• **Data**
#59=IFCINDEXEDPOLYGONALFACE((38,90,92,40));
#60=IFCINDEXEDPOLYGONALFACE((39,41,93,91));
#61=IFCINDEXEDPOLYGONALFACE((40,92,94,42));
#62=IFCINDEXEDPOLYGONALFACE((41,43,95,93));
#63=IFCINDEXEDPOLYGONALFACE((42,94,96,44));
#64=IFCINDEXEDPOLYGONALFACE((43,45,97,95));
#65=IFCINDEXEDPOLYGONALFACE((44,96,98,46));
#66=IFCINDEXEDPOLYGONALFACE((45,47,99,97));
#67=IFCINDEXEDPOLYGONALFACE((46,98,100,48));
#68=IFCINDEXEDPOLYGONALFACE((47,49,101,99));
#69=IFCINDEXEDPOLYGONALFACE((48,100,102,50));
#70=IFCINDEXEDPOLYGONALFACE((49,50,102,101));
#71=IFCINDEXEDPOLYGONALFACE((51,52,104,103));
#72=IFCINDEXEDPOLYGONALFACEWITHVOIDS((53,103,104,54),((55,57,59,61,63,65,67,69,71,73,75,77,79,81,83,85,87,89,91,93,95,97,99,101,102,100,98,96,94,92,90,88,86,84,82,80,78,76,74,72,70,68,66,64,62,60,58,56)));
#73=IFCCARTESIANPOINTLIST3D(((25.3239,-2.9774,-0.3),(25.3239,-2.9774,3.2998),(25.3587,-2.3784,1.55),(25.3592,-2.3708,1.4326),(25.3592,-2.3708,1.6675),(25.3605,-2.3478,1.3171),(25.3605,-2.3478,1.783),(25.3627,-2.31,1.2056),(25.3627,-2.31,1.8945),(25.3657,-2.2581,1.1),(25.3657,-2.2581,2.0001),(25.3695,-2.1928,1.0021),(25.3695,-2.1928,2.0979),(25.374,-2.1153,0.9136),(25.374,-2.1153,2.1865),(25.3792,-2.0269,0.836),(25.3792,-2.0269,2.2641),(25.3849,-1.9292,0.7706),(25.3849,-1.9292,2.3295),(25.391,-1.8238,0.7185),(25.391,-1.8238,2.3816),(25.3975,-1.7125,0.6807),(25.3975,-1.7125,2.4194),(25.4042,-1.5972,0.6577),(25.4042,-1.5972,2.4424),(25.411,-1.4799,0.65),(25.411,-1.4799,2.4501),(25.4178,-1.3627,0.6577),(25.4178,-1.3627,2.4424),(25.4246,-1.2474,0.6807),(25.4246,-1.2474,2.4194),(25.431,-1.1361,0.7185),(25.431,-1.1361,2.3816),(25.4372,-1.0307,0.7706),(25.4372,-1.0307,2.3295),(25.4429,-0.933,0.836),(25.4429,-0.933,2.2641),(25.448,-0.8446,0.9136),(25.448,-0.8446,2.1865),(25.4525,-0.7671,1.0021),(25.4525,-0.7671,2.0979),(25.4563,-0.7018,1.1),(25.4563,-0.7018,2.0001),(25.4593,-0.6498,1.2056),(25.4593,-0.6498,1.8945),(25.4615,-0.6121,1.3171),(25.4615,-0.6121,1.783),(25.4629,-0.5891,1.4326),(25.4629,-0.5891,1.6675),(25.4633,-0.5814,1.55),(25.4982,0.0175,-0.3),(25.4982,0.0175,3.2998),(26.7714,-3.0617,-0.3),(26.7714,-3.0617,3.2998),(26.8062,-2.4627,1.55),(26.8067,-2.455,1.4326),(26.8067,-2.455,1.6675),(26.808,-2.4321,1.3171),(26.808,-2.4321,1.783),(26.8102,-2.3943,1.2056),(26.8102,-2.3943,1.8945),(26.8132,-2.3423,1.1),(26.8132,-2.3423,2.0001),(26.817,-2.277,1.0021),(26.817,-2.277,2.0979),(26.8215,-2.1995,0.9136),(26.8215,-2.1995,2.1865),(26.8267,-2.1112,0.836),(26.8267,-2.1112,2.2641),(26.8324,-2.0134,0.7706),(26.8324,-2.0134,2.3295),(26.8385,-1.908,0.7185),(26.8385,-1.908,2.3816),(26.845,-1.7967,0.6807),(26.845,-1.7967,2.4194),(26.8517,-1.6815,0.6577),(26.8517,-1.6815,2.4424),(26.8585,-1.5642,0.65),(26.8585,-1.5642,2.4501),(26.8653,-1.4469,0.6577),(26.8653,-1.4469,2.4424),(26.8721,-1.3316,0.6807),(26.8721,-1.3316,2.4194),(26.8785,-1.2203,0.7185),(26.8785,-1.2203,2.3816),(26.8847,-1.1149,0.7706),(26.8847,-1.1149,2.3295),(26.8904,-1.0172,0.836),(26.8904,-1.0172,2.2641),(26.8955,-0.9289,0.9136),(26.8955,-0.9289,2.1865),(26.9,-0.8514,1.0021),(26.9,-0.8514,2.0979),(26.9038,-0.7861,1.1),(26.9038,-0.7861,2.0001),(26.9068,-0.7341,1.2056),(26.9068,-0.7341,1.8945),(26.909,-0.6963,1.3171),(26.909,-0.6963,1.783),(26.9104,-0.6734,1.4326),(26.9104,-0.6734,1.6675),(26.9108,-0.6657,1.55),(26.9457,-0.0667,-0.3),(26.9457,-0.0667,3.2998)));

• **Task to carry out**
Reproduce the whole listing so that each line matches the original exactly.

• **The answer**
#59=IFCINDEXEDPOLYGONALFACE((38,90,92,40));
#60=IFCINDEXEDPOLYGONALFACE((39,41,93,91));
#61=IFCINDEXEDPOLYGONALFACE((40,92,94,42));
#62=IFCINDEXEDPOLYGONALFACE((41,43,95,93));
#63=IFCINDEXEDPOLYGONALFACE((42,94,96,44));
#64=IFCINDEXEDPOLYGONALFACE((43,45,97,95));
#65=IFCINDEXEDPOLYGONALFACE((44,96,98,46));
#66=IFCINDEXEDPOLYGONALFACE((45,47,99,97));
#67=IFCINDEXEDPOLYGONALFACE((46,98,100,48));
#68=IFCINDEXEDPOLYGONALFACE((47,49,101,99));
#69=IFCINDEXEDPOLYGONALFACE((48,100,102,50));
#70=IFCINDEXEDPOLYGONALFACE((49,50,102,101));
#71=IFCINDEXEDPOLYGONALFACE((51,52,104,103));
#72=IFCINDEXEDPOLYGONALFACEWITHVOIDS((53,103,104,54),((55,57,59,61,63,65,67,69,71,73,75,77,79,81,83,85,87,89,91,93,95,97,99,101,102,100,98,96,94,92,90,88,86,84,82,80,78,76,74,72,70,68,66,64,62,60,58,56)));
#73=IFCCARTESIANPOINTLIST3D(((25.3239,-2.9774,-0.3),(25.3239,-2.9774,3.2998),(25.3587,-2.3784,1.55),(25.3592,-2.3708,1.4326),(25.3592,-2.3708,1.6675),(25.3605,-2.3478,1.3171),(25.3605,-2.3478,1.783),(25.3627,-2.31,1.2056),(25.3627,-2.31,1.8945),(25.3657,-2.2581,1.1),(25.3657,-2.2581,2.0001),(25.3695,-2.1928,1.0021),(25.3695,-2.1928,2.0979),(25.374,-2.1153,0.9136),(25.374,-2.1153,2.1865),(25.3792,-2.0269,0.836),(25.3792,-2.0269,2.2641),(25.3849,-1.9292,0.7706),(25.3849,-1.9292,2.3295),(25.391,-1.8238,0.7185),(25.391,-1.8238,2.3816),(25.3975,-1.7125,0.6807),(25.3975,-1.7125,2.4194),(25.4042,-1.5972,0.6577),(25.4042,-1.5972,2.4424),(25.411,-1.4799,0.65),(25.411,-1.4799,2.4501),(25.4178,-1.3627,0.6577),(25.4178,-1.3627,2.4424),(25.4246,-1.2474,0.6807),(25.4246,-1.2474,2.4194),(25.431,-1.1361,0.7185),(25.431,-1.1361,2.3816),(25.4372,-1.0307,0.7706),(25.4372,-1.0307,2.3295),(25.4429,-0.933,0.836),(25.4429,-0.933,2.2641),(25.448,-0.8446,0.9136),(25.448,-0.8446,2.1865),(25.4525,-0.7671,1.0021),(25.4525,-0.7671,2.0979),(25.4563,-0.7018,1.1),(25.4563,-0.7018,2.0001),(25.4593,-0.6498,1.2056),(25.4593,-0.6498,1.8945),(25.4615,-0.6121,1.3171),(25.4615,-0.6121,1.783),(25.4629,-0.5891,1.4326),(25.4629,-0.5891,1.6675),(25.4633,-0.5814,1.55),(25.4982,0.0175,-0.3),(25.4982,0.0175,3.2998),(26.7714,-3.0617,-0.3),(26.7714,-3.0617,3.2998),(26.8062,-2.4627,1.55),(26.8067,-2.455,1.4326),(26.8067,-2.455,1.6675),(26.808,-2.4321,1.3171),(26.808,-2.4321,1.783),(26.8102,-2.3943,1.2056),(26.8102,-2.3943,1.8945),(26.8132,-2.3423,1.1),(26.8132,-2.3423,2.0001),(26.817,-2.277,1.0021),(26.817,-2.277,2.0979),(26.8215,-2.1995,0.9136),(26.8215,-2.1995,2.1865),(26.8267,-2.1112,0.836),(26.8267,-2.1112,2.2641),(26.8324,-2.0134,0.7706),(26.8324,-2.0134,2.3295),(26.8385,-1.908,0.7185),(26.8385,-1.908,2.3816),(26.845,-1.7967,0.6807),(26.845,-1.7967,2.4194),(26.8517,-1.6815,0.6577),(26.8517,-1.6815,2.4424),(26.8585,-1.5642,0.65),(26.8585,-1.5642,2.4501),(26.8653,-1.4469,0.6577),(26.8653,-1.4469,2.4424),(26.8721,-1.3316,0.6807),(26.8721,-1.3316,2.4194),(26.8785,-1.2203,0.7185),(26.8785,-1.2203,2.3816),(26.8847,-1.1149,0.7706),(26.8847,-1.1149,2.3295),(26.8904,-1.0172,0.836),(26.8904,-1.0172,2.2641),(26.8955,-0.9289,0.9136),(26.8955,-0.9289,2.1865),(26.9,-0.8514,1.0021),(26.9,-0.8514,2.0979),(26.9038,-0.7861,1.1),(26.9038,-0.7861,2.0001),(26.9068,-0.7341,1.2056),(26.9068,-0.7341,1.8945),(26.909,-0.6963,1.3171),(26.909,-0.6963,1.783),(26.9104,-0.6734,1.4326),(26.9104,-0.6734,1.6675),(26.9108,-0.6657,1.55),(26.9457,-0.0667,-0.3),(26.9457,-0.0667,3.2998)));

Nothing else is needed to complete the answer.